▶ [Available data]
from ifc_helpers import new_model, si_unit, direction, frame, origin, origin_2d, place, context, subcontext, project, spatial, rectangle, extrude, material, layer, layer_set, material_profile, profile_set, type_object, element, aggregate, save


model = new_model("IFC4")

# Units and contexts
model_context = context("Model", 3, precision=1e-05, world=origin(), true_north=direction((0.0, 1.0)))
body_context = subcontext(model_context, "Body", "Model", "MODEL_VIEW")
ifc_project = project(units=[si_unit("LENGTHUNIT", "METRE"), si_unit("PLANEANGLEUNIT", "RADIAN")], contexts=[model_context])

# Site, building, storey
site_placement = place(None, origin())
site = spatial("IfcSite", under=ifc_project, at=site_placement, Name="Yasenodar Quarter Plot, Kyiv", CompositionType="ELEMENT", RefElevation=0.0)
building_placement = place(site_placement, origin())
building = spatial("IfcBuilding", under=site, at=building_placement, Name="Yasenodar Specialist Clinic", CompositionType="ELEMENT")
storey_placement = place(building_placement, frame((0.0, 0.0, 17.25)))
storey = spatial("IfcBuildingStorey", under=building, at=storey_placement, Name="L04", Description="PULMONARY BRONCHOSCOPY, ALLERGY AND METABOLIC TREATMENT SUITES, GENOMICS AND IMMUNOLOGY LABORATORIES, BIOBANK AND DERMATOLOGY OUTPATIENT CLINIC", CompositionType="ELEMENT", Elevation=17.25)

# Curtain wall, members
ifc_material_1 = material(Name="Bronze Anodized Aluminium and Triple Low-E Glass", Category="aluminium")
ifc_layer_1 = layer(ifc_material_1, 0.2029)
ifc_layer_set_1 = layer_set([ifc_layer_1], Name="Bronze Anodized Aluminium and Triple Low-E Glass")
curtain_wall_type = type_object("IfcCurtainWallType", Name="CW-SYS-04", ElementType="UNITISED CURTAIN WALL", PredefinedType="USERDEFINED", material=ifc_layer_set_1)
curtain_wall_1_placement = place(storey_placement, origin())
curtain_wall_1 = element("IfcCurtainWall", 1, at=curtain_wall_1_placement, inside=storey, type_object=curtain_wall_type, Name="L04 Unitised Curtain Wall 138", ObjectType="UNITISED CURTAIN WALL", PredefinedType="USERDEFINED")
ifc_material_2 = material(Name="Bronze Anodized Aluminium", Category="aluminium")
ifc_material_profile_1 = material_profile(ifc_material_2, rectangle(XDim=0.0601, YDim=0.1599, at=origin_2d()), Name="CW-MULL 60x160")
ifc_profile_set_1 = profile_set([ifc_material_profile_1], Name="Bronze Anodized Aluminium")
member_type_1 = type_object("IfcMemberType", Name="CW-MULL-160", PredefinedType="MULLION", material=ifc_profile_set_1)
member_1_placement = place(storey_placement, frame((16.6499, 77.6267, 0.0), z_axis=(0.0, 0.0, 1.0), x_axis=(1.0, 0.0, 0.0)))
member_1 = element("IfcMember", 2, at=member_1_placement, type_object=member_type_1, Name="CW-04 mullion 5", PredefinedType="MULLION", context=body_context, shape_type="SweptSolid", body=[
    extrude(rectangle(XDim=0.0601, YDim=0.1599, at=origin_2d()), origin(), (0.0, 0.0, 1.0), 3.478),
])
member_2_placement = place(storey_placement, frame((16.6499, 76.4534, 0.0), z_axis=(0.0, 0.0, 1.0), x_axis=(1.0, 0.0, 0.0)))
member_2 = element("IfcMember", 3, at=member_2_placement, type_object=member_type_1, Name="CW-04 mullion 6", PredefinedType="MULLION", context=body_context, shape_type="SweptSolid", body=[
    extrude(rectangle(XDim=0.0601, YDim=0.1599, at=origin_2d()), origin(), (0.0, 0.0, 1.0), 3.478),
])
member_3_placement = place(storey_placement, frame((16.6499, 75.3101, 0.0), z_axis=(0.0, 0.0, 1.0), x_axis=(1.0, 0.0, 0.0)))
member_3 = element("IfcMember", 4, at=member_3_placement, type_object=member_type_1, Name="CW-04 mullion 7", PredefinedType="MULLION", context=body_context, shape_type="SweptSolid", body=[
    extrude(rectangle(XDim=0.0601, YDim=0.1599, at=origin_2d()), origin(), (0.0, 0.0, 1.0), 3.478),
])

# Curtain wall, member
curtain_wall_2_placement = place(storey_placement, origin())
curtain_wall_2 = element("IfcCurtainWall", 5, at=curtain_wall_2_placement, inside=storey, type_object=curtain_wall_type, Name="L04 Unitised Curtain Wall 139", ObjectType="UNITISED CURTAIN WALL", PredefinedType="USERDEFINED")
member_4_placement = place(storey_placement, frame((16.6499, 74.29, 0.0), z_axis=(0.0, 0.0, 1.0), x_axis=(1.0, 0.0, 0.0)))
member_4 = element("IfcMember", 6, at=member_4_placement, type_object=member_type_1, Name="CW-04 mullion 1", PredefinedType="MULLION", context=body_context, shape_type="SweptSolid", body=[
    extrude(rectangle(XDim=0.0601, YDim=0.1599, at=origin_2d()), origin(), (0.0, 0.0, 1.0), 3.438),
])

---

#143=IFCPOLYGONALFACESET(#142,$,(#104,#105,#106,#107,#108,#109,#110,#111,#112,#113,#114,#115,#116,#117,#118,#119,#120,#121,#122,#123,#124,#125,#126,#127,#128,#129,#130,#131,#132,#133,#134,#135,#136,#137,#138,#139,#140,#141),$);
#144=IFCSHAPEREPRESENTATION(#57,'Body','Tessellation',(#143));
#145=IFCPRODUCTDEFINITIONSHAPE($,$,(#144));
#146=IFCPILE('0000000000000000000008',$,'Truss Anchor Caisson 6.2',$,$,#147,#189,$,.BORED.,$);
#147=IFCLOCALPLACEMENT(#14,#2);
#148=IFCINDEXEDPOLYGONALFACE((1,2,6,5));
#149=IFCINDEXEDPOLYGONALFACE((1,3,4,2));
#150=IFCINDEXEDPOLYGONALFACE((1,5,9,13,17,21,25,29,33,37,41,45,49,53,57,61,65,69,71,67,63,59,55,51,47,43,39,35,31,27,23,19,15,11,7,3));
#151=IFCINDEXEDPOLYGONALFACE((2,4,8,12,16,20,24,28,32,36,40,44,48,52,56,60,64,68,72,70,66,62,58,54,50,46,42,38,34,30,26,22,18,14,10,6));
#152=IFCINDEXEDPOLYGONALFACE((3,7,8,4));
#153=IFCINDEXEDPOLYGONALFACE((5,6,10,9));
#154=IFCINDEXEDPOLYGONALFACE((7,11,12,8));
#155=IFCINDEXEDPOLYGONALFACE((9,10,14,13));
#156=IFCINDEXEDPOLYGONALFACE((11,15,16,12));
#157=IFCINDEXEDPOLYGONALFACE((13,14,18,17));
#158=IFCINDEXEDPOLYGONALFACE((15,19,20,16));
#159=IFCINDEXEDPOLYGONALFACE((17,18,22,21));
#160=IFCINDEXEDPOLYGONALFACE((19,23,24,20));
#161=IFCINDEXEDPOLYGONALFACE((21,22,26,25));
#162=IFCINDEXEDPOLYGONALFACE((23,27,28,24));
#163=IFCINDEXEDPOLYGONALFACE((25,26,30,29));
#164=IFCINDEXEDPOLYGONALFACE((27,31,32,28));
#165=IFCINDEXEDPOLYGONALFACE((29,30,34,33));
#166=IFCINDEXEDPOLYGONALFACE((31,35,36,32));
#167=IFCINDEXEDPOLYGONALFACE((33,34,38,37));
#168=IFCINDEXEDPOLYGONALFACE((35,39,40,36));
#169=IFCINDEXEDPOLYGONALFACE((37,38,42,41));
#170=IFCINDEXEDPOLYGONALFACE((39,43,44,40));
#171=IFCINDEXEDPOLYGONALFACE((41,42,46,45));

▶ [The task]
Look above for the line holding "from ifc_helpers import" and the line holding "frame((0.0, 0.0, 17.25)))". Retype both, and every line between them, word for word and nothing else.

▶ [Written solution]
from ifc_helpers import new_model, si_unit, direction, frame, origin, origin_2d, place, context, subcontext, project, spatial, rectangle, extrude, material, layer, layer_set, material_profile, profile_set, type_object, element, aggregate, save


model = new_model("IFC4")

# Units and contexts
model_context = context("Model", 3, precision=1e-05, world=origin(), true_north=direction((0.0, 1.0)))
body_context = subcontext(model_context, "Body", "Model", "MODEL_VIEW")
ifc_project = project(units=[si_unit("LENGTHUNIT", "METRE"), si_unit("PLANEANGLEUNIT", "RADIAN")], contexts=[model_context])

# Site, building, storey
site_placement = place(None, origin())
site = spatial("IfcSite", under=ifc_project, at=site_placement, Name="Yasenodar Quarter Plot, Kyiv", CompositionType="ELEMENT", RefElevation=0.0)
building_placement = place(site_placement, origin())
building = spatial("IfcBuilding", under=site, at=building_placement, Name="Yasenodar Specialist Clinic", CompositionType="ELEMENT")
storey_placement = place(building_placement, frame((0.0, 0.0, 17.25)))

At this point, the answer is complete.